> [EXERCISE GOAL]: Return, word for word, only the lines of the data below that lie between the line with "#31=IFCLOCALPLACEMENT(#14,#2);" and the line with "#52=IFCINDEXEDPOLYGONALFACE((9,11,15,13));", those two lines included.

(Beginning of EXERCISE INPUTS)

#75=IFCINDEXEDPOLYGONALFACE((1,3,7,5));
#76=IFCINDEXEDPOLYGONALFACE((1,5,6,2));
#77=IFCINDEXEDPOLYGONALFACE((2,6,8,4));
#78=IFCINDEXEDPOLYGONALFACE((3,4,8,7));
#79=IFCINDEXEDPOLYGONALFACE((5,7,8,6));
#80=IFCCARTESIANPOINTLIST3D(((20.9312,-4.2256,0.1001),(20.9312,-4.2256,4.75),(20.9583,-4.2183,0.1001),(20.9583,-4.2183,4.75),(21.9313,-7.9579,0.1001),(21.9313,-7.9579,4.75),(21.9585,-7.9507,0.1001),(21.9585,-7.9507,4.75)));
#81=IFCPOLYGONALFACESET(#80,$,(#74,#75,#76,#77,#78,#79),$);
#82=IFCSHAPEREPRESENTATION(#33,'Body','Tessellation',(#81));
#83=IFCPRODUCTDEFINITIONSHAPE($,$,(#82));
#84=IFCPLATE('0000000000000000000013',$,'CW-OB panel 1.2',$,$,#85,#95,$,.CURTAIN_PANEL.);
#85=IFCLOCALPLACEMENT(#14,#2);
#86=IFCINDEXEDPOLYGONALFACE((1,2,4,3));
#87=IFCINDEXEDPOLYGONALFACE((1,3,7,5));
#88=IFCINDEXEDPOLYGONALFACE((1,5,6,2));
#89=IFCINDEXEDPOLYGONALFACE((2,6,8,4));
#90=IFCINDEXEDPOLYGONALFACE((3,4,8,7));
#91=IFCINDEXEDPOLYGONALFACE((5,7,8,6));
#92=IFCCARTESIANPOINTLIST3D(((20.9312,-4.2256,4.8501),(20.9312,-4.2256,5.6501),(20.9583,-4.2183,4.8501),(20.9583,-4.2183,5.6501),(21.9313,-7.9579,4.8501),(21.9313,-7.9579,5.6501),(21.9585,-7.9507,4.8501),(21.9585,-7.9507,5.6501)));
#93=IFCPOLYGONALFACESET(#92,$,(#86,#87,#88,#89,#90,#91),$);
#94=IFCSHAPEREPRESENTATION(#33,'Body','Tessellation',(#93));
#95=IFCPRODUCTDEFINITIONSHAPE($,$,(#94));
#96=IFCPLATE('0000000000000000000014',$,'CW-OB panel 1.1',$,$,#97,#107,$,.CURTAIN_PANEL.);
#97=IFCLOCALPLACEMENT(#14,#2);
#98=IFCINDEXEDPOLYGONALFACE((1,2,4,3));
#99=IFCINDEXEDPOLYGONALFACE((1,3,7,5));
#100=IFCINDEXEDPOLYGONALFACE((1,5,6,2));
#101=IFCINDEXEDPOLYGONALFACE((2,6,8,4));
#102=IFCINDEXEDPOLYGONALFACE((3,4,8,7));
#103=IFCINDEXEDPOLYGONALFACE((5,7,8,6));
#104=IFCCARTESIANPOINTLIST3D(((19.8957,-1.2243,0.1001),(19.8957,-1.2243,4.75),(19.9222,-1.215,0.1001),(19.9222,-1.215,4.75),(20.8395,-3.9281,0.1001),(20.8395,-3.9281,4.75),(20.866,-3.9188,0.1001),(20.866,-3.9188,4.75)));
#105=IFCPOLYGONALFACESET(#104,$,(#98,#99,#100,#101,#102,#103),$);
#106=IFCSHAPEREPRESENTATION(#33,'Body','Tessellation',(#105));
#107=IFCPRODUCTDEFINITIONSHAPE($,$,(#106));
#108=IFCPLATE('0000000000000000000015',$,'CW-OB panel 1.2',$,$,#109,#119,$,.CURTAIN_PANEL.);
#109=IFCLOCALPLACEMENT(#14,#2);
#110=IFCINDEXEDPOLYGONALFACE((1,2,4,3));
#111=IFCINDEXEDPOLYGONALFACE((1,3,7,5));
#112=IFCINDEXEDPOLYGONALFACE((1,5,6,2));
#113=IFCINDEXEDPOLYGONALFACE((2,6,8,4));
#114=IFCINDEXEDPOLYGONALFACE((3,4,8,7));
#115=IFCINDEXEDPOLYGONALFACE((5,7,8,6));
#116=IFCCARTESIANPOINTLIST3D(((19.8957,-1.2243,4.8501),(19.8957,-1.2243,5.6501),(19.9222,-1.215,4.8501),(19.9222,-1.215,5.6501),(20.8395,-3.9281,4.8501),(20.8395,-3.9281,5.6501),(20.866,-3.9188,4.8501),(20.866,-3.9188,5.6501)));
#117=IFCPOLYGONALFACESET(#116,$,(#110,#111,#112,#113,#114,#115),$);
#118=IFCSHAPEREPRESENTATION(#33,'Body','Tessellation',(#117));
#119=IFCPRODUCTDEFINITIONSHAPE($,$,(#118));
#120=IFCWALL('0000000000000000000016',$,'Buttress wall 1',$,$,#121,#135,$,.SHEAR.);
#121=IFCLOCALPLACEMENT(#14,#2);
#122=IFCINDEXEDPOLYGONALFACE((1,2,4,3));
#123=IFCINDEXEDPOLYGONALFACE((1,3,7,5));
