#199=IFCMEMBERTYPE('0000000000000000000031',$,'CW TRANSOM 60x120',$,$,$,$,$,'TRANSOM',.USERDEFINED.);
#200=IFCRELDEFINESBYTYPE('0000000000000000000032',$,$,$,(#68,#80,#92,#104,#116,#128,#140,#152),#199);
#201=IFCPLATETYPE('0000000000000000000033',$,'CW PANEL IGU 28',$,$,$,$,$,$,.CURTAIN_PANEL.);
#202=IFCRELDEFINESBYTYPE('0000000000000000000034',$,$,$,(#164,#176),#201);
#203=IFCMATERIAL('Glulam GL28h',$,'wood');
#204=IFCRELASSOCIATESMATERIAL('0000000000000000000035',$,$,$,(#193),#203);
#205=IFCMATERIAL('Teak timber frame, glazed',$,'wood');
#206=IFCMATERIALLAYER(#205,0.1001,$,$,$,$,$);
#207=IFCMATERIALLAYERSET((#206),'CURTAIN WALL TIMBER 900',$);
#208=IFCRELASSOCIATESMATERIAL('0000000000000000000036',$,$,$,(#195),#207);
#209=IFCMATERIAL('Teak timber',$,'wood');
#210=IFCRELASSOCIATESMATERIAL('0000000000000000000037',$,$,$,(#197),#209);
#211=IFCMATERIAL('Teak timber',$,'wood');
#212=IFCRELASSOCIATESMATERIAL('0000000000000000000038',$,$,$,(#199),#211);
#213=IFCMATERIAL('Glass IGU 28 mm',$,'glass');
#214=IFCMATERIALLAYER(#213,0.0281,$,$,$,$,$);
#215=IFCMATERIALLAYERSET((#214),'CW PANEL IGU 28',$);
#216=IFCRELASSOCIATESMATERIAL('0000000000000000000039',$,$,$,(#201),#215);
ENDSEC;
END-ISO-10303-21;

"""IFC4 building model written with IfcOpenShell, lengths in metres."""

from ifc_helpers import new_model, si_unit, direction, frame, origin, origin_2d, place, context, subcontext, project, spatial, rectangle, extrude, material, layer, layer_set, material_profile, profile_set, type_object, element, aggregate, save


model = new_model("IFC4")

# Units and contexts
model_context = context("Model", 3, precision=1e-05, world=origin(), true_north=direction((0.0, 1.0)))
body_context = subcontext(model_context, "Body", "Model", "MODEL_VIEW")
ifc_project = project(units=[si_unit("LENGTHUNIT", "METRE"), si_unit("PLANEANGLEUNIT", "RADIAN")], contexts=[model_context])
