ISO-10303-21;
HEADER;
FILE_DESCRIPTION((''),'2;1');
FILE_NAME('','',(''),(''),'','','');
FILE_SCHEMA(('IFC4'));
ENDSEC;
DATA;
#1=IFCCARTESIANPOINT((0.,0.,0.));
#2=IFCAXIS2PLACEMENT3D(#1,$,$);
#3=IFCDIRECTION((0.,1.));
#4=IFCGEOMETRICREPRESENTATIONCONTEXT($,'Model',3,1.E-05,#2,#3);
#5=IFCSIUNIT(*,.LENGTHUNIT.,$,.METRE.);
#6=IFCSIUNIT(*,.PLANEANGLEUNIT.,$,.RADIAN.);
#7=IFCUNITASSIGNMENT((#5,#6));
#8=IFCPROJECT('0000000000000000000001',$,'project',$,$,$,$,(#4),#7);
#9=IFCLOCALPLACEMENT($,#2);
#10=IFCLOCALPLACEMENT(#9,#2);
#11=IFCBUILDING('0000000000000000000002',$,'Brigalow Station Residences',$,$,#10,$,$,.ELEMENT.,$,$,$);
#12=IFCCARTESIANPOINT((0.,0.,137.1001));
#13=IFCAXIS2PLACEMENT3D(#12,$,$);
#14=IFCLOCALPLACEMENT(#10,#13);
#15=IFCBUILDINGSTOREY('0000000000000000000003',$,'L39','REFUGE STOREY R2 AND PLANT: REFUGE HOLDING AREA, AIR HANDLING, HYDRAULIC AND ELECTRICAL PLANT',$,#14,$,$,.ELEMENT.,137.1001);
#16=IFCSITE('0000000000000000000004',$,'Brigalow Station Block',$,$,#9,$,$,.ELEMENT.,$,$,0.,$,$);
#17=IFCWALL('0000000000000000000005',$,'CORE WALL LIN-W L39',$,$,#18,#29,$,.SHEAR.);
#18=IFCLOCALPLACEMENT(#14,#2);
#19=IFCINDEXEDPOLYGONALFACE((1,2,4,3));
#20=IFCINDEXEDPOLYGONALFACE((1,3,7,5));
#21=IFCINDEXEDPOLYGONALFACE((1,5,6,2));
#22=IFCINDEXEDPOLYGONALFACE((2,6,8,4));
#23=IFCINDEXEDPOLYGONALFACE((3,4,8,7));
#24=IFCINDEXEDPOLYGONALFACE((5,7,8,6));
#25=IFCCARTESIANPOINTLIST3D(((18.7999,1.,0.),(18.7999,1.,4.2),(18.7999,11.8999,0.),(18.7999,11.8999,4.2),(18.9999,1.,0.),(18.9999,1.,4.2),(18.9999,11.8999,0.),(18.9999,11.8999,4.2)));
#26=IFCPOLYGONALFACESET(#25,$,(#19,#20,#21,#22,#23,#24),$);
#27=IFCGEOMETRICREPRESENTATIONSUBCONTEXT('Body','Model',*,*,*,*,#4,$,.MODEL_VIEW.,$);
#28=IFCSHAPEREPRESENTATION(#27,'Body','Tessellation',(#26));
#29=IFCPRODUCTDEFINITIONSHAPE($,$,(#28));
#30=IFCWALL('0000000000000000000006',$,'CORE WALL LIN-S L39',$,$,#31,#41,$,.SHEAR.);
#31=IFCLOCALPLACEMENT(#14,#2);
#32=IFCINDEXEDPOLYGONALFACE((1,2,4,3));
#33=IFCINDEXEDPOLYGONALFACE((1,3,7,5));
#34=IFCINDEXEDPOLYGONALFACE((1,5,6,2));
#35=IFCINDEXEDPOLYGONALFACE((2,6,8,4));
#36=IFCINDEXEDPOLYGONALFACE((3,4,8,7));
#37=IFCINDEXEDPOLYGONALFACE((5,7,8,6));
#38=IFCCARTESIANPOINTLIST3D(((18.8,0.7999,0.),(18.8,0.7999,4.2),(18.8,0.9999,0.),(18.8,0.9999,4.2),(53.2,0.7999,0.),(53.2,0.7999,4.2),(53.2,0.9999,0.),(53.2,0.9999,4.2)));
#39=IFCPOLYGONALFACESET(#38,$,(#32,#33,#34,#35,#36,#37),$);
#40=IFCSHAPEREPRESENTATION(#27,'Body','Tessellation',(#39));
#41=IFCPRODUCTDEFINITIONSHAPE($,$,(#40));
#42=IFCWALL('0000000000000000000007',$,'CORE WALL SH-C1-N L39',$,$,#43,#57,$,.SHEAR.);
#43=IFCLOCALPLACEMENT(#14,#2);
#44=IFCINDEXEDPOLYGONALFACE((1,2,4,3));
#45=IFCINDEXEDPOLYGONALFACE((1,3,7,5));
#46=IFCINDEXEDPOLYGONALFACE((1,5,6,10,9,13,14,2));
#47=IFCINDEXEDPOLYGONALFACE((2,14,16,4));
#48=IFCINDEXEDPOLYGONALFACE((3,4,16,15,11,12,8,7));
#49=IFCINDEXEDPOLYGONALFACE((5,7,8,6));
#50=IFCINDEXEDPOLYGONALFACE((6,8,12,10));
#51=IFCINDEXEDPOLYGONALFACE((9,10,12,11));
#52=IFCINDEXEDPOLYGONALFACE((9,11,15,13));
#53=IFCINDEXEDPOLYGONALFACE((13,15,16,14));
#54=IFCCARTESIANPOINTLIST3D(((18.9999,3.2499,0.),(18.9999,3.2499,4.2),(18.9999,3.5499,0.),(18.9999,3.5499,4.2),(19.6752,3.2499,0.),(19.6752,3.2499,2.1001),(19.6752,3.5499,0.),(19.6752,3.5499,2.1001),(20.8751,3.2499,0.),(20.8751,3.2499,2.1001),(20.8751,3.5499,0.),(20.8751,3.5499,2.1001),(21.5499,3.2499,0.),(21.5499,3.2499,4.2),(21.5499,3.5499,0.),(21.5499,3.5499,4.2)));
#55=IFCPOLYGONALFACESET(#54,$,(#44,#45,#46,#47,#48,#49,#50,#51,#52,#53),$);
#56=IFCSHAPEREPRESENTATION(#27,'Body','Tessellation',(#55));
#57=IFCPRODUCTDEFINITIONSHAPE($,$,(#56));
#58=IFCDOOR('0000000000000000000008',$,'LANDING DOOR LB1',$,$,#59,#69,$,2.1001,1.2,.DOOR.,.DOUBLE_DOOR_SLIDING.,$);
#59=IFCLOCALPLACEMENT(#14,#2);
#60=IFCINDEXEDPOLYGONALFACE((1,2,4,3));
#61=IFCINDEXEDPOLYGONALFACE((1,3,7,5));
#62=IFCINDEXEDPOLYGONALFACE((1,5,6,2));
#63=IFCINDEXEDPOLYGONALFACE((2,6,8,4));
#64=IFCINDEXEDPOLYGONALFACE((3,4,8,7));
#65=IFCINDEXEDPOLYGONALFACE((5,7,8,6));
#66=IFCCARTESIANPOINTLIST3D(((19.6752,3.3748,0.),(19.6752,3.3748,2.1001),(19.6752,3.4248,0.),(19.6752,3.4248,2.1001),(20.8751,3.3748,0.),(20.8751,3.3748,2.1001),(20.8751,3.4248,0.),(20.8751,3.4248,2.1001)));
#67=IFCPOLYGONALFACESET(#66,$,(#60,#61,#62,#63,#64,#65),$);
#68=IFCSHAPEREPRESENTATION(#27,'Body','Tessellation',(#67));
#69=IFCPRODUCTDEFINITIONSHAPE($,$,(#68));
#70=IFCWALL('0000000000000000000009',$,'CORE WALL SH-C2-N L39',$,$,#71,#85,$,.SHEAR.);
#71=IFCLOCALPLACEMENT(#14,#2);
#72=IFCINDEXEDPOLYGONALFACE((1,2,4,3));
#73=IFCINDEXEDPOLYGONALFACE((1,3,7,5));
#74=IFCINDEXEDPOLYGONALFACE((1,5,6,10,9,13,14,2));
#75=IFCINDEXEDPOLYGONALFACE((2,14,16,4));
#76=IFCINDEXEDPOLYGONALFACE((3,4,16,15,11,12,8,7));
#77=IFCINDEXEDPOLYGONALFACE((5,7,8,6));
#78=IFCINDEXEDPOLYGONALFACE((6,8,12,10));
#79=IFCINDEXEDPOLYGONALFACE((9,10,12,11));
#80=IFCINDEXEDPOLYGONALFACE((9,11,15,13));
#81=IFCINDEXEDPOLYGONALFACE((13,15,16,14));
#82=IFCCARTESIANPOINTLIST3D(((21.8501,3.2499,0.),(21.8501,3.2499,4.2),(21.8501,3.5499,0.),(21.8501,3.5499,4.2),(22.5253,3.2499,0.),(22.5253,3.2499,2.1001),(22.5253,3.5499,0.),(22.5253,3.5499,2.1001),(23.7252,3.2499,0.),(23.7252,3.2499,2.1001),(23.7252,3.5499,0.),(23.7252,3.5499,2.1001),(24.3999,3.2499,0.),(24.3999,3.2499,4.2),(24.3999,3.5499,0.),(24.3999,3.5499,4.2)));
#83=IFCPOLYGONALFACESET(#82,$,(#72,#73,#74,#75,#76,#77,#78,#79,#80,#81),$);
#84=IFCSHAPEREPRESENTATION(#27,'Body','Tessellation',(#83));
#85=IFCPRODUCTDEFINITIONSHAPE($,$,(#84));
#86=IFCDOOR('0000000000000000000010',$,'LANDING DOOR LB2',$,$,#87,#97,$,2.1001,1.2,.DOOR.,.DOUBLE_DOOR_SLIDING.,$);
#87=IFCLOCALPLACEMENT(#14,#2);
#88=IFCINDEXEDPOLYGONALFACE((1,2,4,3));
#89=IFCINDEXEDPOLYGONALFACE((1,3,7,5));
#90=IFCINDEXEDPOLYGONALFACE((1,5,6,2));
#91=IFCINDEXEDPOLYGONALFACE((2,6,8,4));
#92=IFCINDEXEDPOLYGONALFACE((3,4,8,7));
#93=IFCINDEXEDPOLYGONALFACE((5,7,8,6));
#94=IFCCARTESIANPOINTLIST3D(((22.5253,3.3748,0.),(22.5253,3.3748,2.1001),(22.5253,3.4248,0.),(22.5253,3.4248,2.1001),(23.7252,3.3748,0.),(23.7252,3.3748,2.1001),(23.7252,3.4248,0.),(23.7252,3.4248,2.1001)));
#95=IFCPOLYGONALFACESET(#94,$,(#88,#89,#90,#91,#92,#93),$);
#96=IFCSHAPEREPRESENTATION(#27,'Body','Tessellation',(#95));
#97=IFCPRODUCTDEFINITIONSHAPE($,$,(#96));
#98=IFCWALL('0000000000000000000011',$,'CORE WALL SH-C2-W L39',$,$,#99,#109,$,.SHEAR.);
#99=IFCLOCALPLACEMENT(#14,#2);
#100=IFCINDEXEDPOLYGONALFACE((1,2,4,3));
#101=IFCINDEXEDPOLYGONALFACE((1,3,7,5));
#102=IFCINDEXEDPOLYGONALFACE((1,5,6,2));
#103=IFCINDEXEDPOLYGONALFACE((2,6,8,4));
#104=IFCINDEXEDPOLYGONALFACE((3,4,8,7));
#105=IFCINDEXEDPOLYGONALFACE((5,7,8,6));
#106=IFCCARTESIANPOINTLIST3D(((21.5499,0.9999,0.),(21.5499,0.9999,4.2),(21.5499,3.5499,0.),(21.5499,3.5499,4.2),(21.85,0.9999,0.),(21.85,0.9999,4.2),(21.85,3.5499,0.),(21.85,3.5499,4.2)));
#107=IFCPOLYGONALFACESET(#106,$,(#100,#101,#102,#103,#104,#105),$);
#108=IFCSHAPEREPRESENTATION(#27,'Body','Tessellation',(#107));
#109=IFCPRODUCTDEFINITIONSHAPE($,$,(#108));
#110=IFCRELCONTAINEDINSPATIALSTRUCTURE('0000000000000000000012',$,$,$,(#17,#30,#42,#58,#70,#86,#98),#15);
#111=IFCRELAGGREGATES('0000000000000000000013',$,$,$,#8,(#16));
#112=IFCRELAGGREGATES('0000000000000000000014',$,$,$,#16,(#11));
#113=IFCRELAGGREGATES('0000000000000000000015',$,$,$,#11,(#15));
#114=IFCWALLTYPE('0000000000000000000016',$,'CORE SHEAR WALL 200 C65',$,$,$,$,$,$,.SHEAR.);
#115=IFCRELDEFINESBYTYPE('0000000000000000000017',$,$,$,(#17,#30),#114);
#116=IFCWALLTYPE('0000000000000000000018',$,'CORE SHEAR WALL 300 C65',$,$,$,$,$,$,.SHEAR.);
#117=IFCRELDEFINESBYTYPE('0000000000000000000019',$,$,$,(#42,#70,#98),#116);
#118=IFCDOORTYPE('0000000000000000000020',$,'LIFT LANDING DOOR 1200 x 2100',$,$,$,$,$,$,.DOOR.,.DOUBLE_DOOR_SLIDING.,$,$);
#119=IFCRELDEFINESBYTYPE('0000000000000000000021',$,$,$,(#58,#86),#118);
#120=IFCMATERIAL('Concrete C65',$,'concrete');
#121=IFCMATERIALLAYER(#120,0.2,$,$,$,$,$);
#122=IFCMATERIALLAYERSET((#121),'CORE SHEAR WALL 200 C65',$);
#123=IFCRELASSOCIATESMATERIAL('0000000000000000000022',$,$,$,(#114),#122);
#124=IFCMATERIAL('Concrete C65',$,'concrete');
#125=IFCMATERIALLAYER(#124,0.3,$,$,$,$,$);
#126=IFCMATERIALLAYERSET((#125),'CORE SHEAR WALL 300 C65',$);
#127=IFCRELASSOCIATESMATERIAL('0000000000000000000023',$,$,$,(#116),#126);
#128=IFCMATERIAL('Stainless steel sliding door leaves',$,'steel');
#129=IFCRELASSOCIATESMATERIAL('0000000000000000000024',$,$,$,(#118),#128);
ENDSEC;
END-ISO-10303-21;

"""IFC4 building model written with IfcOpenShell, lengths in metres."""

from ifc_helpers import new_model, si_unit, direction, frame, frame_2d, origin, place, context, subcontext, project, spatial, rectangle, extrude, material, layer, layer_set, type_object, element, fill, save


model = new_model("IFC4")

# Units and contexts
model_context = context("Model", 3, precision=1e-05, world=origin(), true_north=direction((0.0, 1.0)))
body_context = subcontext(model_context, "Body", "Model", "MODEL_VIEW")
ifc_project = project(units=[si_unit("LENGTHUNIT", "METRE"), si_unit("PLANEANGLEUNIT", "RADIAN")], contexts=[model_context])

# Site, building, storey
site_placement = place(None, origin())
site = spatial("IfcSite", under=ifc_project, at=site_placement, Name="Brigalow Station Block", CompositionType="ELEMENT", RefElevation=0.0)
building_placement = place(site_placement, origin())
building = spatial("IfcBuilding", under=site, at=building_placement, Name="Brigalow Station Residences", CompositionType="ELEMENT")
storey_placement = place(building_placement, frame((0.0, 0.0, 137.1001)))
storey = spatial("IfcBuildingStorey", under=building, at=storey_placement, Name="L39", Description="REFUGE STOREY R2 AND PLANT: REFUGE HOLDING AREA, AIR HANDLING, HYDRAULIC AND ELECTRICAL PLANT", CompositionType="ELEMENT", Elevation=137.1001)

# Walls
ifc_material_1 = material(Name="Concrete C65", Category="concrete")
ifc_layer_1 = layer(ifc_material_1, 0.2)
ifc_layer_set_1 = layer_set([ifc_layer_1], Name="CORE SHEAR WALL 200 C65")
wall_type_1 = type_object("IfcWallType", Name="CORE SHEAR WALL 200 C65", PredefinedType="SHEAR", material=ifc_layer_set_1)
wall_1_placement = place(storey_placement, frame((18.8999, 1.0, 0.0), z_axis=(0.0, 0.0, 1.0), x_axis=(0.0, 1.0, 0.0)))
element("IfcWall", 1, at=wall_1_placement, inside=storey, type_object=wall_type_1, Name="CORE WALL LIN-W L39", PredefinedType="SHEAR", context=body_context, shape_type="SweptSolid", body=[
    extrude(rectangle(XDim=10.8999, YDim=0.2, at=frame_2d((5.45, 0.0))), origin(), (0.0, 0.0, 1.0), 4.2),
])
wall_2_placement = place(storey_placement, frame((18.8, 0.8999, 0.0), z_axis=(0.0, 0.0, 1.0), x_axis=(1.0, 0.0, 0.0)))
element("IfcWall", 2, at=wall_2_placement, inside=storey, type_object=wall_type_1, Name="CORE WALL LIN-S L39", PredefinedType="SHEAR", context=body_context, shape_type="SweptSolid", body=[
    extrude(rectangle(XDim=34.3999, YDim=0.2, at=frame_2d((17.2, 0.0))), origin(), (0.0, 0.0, 1.0), 4.2),
])

# Walls, openings, doors
ifc_material_2 = material(Name="Concrete C65", Category="concrete")
ifc_layer_2 = layer(ifc_material_2, 0.3)
ifc_layer_set_2 = layer_set([ifc_layer_2], Name="CORE SHEAR WALL 300 C65")
wall_type_2 = type_object("IfcWallType", Name="CORE SHEAR WALL 300 C65", PredefinedType="SHEAR", material=ifc_layer_set_2)
wall_3_placement = place(storey_placement, frame((19.0, 3.3999, 0.0), z_axis=(0.0, 0.0, 1.0), x_axis=(1.0, 0.0, 0.0)))
wall_3 = element("IfcWall", 3, at=wall_3_placement, inside=storey, type_object=wall_type_2, Name="CORE WALL SH-C1-N L39", PredefinedType="SHEAR", context=body_context, shape_type="SweptSolid", body=[
    extrude(rectangle(XDim=2.55, YDim=0.3, at=frame_2d((1.2749, 0.0))), origin(), (0.0, 0.0, 1.0), 4.2),
])
opening_1_placement = place(wall_3_placement, frame((0.675, 0.0, 0.0)))
opening_1 = element("IfcOpeningElement", 4, at=opening_1_placement, cuts=wall_3, PredefinedType="OPENING", context=body_context, shape_type="SweptSolid", body=[
    extrude(rectangle(XDim=1.2, YDim=2.1001, at=frame_2d((0.6001, 1.05))), frame((0.0, 0.1602, 0.0), z_axis=(0.0, -1.0, 0.0), x_axis=(1.0, 0.0, 0.0)), (0.0, 0.0, 1.0), 0.3201),
])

(End of EXERCISE INPUTS)

> [RESPONSE FOR THIS EXERCISE]:
#31=IFCLOCALPLACEMENT(#14,#2);
#32=IFCINDEXEDPOLYGONALFACE((1,2,4,3));
#33=IFCINDEXEDPOLYGONALFACE((1,3,7,5));
#34=IFCINDEXEDPOLYGONALFACE((1,5,6,2));
#35=IFCINDEXEDPOLYGONALFACE((2,6,8,4));
#36=IFCINDEXEDPOLYGONALFACE((3,4,8,7));
#37=IFCINDEXEDPOLYGONALFACE((5,7,8,6));
#38=IFCCARTESIANPOINTLIST3D(((18.8,0.7999,0.),(18.8,0.7999,4.2),(18.8,0.9999,0.),(18.8,0.9999,4.2),(53.2,0.7999,0.),(53.2,0.7999,4.2),(53.2,0.9999,0.),(53.2,0.9999,4.2)));
#39=IFCPOLYGONALFACESET(#38,$,(#32,#33,#34,#35,#36,#37),$);
#40=IFCSHAPEREPRESENTATION(#27,'Body','Tessellation',(#39));
#41=IFCPRODUCTDEFINITIONSHAPE($,$,(#40));
#42=IFCWALL('0000000000000000000007',$,'CORE WALL SH-C1-N L39',$,$,#43,#57,$,.SHEAR.);
#43=IFCLOCALPLACEMENT(#14,#2);
#44=IFCINDEXEDPOLYGONALFACE((1,2,4,3));
#45=IFCINDEXEDPOLYGONALFACE((1,3,7,5));
#46=IFCINDEXEDPOLYGONALFACE((1,5,6,10,9,13,14,2));
#47=IFCINDEXEDPOLYGONALFACE((2,14,16,4));
#48=IFCINDEXEDPOLYGONALFACE((3,4,16,15,11,12,8,7));
#49=IFCINDEXEDPOLYGONALFACE((5,7,8,6));
#50=IFCINDEXEDPOLYGONALFACE((6,8,12,10));
#51=IFCINDEXEDPOLYGONALFACE((9,10,12,11));
#52=IFCINDEXEDPOLYGONALFACE((9,11,15,13));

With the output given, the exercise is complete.